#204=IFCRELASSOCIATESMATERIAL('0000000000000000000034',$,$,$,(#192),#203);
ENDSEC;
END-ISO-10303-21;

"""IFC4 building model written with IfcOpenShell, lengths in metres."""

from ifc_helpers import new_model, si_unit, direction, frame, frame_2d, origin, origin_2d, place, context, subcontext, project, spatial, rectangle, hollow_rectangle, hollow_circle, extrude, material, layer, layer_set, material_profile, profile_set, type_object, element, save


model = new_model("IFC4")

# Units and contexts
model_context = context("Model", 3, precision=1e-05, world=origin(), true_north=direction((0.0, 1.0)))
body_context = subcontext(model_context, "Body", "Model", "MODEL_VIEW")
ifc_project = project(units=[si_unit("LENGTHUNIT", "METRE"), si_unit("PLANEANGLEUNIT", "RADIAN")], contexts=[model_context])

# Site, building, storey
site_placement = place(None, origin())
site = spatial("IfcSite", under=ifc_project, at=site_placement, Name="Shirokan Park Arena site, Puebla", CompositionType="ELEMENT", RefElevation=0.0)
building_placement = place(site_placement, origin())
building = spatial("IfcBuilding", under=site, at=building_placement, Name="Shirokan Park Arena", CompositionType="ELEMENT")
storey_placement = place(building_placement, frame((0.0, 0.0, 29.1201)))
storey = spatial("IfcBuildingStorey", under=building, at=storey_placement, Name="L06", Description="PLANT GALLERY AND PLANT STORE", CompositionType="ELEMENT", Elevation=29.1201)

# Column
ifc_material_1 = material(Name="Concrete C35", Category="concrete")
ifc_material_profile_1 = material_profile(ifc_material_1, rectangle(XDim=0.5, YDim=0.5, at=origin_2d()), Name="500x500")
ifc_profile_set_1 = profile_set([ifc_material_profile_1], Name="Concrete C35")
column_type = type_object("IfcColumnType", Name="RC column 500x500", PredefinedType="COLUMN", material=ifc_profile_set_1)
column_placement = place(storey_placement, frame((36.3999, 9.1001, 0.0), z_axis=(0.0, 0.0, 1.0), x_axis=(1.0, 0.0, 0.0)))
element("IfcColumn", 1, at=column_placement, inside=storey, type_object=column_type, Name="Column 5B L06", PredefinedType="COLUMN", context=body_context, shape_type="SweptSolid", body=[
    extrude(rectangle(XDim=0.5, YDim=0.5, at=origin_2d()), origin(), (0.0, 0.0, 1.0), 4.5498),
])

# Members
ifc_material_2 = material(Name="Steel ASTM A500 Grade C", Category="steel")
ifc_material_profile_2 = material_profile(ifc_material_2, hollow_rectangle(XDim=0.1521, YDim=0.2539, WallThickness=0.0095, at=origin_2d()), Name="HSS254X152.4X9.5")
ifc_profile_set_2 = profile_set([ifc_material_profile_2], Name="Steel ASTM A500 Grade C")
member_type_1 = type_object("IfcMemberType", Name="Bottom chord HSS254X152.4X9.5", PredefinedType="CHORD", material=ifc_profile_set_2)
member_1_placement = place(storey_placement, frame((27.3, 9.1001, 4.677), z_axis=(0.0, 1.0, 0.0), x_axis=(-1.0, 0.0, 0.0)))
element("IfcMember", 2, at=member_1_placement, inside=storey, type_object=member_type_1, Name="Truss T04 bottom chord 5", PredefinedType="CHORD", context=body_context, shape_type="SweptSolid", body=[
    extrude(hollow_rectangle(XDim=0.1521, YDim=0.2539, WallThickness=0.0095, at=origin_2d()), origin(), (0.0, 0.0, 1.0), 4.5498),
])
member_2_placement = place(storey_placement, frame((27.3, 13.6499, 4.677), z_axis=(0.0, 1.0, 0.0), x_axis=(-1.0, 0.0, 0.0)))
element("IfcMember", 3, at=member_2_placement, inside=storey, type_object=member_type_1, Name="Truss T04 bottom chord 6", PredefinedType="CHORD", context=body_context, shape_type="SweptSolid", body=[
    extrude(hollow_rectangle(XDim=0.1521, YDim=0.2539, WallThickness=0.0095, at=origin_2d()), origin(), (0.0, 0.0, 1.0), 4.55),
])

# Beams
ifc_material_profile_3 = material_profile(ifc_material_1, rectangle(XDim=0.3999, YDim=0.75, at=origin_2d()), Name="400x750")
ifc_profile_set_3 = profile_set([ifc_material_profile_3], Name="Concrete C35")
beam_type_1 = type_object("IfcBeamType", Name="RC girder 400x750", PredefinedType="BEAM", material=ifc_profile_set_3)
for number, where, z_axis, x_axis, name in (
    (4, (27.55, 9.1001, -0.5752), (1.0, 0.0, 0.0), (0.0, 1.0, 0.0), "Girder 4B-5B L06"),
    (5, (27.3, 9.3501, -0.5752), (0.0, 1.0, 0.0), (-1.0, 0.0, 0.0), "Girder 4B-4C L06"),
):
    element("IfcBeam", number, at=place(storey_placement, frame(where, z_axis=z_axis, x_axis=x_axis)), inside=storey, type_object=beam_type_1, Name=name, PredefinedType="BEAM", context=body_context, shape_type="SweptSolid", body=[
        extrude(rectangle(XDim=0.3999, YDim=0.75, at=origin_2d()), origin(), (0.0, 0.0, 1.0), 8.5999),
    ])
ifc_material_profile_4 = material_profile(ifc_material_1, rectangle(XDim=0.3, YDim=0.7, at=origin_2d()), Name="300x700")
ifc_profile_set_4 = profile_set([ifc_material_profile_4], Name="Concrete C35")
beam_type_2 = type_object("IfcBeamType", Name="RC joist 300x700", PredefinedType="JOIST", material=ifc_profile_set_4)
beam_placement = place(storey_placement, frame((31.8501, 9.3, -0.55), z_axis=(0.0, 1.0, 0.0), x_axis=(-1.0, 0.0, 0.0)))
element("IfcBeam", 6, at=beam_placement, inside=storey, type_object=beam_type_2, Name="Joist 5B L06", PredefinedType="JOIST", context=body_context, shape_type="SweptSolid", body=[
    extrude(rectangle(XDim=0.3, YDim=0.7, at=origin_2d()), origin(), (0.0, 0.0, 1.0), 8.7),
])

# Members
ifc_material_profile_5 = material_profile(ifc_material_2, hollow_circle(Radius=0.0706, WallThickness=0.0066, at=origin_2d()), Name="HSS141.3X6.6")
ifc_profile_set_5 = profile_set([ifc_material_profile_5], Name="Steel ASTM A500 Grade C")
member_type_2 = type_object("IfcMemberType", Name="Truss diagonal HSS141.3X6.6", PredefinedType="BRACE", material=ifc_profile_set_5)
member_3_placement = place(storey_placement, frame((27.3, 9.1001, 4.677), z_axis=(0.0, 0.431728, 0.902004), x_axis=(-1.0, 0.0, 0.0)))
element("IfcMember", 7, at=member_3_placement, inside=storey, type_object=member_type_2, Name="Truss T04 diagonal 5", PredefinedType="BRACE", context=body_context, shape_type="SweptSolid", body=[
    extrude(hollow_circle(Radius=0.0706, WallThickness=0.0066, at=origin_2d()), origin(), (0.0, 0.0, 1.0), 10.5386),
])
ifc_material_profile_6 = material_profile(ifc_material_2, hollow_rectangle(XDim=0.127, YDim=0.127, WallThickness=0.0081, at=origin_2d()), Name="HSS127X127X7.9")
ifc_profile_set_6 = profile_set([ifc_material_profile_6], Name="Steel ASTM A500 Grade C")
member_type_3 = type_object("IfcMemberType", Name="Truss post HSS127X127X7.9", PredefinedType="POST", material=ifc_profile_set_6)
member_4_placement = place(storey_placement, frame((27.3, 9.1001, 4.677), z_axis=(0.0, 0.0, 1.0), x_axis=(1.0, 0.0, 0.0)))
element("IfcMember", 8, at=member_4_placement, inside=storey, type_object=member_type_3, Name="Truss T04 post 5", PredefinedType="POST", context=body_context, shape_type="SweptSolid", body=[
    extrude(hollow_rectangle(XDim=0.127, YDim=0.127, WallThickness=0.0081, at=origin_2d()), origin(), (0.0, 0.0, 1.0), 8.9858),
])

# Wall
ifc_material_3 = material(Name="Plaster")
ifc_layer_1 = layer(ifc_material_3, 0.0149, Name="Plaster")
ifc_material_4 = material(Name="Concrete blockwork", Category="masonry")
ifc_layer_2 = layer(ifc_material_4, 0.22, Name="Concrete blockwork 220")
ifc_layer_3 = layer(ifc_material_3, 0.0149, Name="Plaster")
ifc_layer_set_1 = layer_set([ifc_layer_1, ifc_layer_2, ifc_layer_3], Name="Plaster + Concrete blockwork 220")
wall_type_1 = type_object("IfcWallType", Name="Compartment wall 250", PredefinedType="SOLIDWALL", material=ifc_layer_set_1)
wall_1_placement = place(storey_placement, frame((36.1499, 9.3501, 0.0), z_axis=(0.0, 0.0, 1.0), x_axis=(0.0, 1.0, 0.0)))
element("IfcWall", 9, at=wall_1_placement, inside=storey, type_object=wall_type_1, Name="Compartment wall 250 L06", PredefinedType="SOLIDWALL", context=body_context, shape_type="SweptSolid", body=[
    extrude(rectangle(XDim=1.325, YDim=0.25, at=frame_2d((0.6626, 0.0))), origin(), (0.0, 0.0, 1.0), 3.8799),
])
━━━━━━━━━━━━━━━━━━━━
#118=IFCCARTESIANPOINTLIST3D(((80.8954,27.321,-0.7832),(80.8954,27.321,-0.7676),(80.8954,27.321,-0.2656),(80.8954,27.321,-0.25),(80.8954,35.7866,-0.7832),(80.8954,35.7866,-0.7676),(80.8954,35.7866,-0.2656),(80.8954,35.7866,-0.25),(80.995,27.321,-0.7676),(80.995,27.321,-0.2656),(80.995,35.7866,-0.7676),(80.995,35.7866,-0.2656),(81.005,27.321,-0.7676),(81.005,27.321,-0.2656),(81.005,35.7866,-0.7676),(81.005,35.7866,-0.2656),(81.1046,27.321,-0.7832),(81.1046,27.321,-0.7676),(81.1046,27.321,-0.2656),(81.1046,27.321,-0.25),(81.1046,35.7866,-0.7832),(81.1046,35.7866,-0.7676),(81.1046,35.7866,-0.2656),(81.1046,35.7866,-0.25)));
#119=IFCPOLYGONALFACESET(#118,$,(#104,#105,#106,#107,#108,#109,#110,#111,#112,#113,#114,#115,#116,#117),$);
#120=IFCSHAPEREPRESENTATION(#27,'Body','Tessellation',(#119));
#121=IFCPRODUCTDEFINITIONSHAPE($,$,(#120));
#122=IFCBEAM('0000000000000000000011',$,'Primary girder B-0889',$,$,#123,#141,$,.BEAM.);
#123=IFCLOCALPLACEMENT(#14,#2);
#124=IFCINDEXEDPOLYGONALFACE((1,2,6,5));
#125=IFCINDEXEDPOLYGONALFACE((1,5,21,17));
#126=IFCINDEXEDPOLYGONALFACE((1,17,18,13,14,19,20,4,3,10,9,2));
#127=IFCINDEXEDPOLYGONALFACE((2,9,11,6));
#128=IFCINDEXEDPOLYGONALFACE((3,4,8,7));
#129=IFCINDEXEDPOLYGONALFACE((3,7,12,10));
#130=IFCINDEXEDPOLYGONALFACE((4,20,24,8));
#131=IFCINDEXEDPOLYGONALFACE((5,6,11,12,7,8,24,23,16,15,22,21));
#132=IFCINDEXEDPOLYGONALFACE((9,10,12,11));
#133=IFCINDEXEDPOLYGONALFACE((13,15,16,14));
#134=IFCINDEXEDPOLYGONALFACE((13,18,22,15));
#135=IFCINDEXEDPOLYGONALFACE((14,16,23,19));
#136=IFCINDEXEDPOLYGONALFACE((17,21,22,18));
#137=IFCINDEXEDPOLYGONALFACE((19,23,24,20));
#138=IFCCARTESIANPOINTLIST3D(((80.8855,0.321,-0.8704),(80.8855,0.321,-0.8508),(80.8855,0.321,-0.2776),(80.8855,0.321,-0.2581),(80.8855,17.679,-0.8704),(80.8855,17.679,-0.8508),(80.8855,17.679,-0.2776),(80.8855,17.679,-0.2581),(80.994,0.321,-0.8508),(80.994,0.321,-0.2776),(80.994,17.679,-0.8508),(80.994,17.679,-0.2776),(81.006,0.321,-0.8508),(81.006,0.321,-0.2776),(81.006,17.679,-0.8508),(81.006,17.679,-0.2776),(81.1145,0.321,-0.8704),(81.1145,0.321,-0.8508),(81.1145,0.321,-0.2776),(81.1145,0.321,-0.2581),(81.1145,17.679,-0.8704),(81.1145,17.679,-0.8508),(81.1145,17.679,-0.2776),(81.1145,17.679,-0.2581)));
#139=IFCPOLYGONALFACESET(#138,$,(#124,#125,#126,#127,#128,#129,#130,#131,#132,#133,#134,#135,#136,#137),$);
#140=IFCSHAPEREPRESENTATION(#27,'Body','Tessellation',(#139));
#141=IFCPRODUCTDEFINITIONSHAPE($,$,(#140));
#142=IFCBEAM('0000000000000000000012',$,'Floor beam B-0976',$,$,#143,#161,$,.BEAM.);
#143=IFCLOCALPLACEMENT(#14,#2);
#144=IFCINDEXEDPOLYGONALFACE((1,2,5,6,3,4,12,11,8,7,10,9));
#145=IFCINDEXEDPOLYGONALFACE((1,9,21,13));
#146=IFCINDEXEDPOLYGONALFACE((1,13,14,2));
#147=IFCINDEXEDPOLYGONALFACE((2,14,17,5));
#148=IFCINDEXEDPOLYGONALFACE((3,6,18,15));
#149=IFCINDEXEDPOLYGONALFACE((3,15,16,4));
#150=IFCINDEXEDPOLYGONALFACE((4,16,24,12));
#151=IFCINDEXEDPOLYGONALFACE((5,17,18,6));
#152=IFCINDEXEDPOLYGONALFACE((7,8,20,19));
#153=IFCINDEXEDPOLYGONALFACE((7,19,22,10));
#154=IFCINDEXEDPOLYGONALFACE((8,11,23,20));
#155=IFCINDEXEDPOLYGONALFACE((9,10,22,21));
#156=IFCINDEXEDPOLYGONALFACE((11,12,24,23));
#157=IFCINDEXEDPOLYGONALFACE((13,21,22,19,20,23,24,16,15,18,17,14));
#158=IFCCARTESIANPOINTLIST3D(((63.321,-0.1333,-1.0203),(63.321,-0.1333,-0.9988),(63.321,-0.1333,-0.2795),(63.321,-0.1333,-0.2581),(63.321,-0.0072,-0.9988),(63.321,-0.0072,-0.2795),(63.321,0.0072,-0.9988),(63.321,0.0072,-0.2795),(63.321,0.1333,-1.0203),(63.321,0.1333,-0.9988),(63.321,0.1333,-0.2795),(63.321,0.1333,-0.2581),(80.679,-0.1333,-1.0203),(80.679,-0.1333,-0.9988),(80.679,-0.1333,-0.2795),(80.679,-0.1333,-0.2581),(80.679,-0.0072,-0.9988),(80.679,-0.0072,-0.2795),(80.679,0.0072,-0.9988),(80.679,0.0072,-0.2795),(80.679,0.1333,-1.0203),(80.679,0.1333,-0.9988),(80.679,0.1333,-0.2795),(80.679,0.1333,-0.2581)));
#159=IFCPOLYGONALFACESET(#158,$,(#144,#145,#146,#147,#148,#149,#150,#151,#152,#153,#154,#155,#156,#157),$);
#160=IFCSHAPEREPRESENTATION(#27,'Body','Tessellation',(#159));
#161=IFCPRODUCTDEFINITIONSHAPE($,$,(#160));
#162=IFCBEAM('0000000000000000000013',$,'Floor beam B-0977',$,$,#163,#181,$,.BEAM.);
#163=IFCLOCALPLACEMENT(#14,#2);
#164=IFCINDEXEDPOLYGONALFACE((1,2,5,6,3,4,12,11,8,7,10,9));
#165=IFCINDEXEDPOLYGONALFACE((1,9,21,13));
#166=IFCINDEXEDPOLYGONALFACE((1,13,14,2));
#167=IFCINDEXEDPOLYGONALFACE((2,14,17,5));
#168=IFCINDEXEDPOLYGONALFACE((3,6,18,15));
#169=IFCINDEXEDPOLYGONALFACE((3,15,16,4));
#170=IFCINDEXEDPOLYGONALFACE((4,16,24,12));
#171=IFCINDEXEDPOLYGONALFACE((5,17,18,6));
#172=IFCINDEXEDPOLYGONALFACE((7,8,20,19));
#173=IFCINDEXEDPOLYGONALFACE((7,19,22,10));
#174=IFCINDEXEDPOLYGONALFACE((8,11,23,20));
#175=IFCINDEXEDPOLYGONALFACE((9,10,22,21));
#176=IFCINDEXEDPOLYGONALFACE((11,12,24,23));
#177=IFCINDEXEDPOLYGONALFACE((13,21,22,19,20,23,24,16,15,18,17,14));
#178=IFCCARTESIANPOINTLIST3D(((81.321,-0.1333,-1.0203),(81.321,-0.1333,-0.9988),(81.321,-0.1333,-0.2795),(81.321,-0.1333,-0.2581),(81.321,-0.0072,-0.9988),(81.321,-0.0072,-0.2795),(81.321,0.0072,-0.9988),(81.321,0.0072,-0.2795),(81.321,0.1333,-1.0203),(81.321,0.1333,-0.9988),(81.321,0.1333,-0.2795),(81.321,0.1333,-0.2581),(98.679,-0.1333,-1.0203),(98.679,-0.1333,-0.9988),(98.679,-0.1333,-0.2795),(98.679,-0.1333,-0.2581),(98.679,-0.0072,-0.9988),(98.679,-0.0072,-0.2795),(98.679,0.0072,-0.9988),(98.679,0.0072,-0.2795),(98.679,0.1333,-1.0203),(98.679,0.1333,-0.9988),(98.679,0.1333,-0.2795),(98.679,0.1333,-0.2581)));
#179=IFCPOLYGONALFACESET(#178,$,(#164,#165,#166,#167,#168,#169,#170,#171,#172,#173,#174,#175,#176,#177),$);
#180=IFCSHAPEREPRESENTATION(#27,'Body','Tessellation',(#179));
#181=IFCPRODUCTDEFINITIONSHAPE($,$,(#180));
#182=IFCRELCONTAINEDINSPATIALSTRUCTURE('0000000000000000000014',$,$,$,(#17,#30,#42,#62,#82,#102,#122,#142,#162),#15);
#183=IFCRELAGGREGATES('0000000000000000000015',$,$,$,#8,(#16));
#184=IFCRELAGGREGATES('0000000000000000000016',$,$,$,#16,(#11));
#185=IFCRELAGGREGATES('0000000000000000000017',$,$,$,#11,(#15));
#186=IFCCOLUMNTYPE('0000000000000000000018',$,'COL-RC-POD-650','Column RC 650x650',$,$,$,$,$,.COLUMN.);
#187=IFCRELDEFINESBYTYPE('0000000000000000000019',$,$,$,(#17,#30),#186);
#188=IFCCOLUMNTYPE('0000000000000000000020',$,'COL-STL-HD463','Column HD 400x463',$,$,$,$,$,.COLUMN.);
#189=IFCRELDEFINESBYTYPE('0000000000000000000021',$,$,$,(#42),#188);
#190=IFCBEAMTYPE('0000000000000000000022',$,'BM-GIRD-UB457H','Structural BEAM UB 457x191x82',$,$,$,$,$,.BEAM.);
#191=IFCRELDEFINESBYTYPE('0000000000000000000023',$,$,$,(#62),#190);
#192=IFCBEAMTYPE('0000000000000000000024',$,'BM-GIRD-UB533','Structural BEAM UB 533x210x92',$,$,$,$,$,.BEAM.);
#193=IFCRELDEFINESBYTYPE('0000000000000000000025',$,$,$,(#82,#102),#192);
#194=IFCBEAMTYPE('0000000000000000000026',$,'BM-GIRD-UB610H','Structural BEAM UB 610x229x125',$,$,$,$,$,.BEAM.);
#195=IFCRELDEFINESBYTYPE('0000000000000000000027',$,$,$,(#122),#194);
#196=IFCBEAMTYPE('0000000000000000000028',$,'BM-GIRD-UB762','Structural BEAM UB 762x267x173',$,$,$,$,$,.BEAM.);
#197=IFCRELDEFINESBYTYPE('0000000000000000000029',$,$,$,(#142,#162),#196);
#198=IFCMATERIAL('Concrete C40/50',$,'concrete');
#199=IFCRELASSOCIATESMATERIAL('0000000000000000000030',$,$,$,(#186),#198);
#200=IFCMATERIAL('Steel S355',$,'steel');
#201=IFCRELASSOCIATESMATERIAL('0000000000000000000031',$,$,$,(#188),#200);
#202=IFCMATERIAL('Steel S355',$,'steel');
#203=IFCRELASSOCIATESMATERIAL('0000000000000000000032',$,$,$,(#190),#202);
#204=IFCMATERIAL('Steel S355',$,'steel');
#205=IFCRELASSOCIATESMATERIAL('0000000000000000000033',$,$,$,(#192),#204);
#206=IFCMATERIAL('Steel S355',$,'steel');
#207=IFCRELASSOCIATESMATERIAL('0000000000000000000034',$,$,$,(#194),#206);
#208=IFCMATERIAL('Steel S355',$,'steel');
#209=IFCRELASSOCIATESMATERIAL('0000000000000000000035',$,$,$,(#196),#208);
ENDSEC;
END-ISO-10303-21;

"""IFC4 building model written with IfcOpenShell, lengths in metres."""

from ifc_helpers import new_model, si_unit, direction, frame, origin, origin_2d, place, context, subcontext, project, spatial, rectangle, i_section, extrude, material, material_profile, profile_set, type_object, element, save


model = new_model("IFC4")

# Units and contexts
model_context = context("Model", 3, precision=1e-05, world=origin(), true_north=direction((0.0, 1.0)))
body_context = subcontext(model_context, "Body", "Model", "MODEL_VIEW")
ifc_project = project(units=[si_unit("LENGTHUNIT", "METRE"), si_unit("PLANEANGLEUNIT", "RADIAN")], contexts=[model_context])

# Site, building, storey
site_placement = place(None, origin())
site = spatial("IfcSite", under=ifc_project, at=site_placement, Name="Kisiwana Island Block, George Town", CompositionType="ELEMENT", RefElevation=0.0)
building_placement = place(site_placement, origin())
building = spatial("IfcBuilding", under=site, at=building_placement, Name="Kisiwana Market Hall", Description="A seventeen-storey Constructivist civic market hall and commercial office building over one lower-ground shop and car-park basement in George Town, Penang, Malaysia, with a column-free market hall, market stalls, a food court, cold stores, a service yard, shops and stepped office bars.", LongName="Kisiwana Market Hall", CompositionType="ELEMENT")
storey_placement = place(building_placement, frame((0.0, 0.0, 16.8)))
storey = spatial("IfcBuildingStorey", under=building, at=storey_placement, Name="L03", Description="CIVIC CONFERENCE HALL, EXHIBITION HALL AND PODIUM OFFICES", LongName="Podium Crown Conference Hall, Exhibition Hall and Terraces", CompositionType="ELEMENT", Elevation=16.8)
━━━━━━━━━━━━━━━━━━━━
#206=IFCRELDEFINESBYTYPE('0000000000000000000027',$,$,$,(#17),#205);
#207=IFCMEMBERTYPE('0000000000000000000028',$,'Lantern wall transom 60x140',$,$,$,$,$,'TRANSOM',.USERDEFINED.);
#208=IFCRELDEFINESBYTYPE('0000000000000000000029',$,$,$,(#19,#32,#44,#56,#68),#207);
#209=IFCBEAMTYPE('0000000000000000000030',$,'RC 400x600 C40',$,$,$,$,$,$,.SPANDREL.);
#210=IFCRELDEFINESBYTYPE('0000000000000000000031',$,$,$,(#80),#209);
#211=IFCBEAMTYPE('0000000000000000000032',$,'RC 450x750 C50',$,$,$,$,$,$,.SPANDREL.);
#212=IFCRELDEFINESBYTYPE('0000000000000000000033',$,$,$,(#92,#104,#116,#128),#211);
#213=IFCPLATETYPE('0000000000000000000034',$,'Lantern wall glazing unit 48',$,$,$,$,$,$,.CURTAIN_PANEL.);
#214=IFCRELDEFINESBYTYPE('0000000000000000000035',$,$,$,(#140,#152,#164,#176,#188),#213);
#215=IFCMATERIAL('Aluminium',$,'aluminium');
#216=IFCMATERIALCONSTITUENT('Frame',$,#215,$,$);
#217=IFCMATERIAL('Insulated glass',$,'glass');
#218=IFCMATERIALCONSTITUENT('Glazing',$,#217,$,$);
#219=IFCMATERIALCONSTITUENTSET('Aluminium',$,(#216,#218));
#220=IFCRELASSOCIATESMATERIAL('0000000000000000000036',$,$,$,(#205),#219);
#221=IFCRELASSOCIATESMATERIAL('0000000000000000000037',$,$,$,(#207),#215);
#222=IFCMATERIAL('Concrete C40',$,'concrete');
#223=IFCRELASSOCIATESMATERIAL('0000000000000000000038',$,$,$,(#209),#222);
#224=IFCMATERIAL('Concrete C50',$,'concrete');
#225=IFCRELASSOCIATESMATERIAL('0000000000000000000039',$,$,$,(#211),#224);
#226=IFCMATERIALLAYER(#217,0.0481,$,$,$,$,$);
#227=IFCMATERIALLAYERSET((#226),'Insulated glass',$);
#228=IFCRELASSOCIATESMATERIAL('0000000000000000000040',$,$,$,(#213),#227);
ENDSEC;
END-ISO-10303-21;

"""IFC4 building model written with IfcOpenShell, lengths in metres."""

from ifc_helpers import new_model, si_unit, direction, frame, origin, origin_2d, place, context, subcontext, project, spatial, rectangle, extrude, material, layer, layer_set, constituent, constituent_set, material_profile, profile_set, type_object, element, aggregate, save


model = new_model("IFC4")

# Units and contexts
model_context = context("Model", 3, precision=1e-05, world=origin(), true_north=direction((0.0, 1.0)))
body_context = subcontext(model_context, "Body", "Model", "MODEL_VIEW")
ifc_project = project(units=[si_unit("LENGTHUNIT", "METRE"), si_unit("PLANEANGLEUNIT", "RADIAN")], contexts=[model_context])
━━━━━━━━━━━━━━━━━━━━
[What to do] The answer must be every line from the records above that contains "Steel".

[Task output]
ifc_material_2 = material(Name="Steel ASTM A500 Grade C", Category="steel")
ifc_profile_set_2 = profile_set([ifc_material_profile_2], Name="Steel ASTM A500 Grade C")
ifc_profile_set_5 = profile_set([ifc_material_profile_5], Name="Steel ASTM A500 Grade C")
ifc_profile_set_6 = profile_set([ifc_material_profile_6], Name="Steel ASTM A500 Grade C")
#200=IFCMATERIAL('Steel S355',$,'steel');
#202=IFCMATERIAL('Steel S355',$,'steel');
#204=IFCMATERIAL('Steel S355',$,'steel');
#206=IFCMATERIAL('Steel S355',$,'steel');
#208=IFCMATERIAL('Steel S355',$,'steel');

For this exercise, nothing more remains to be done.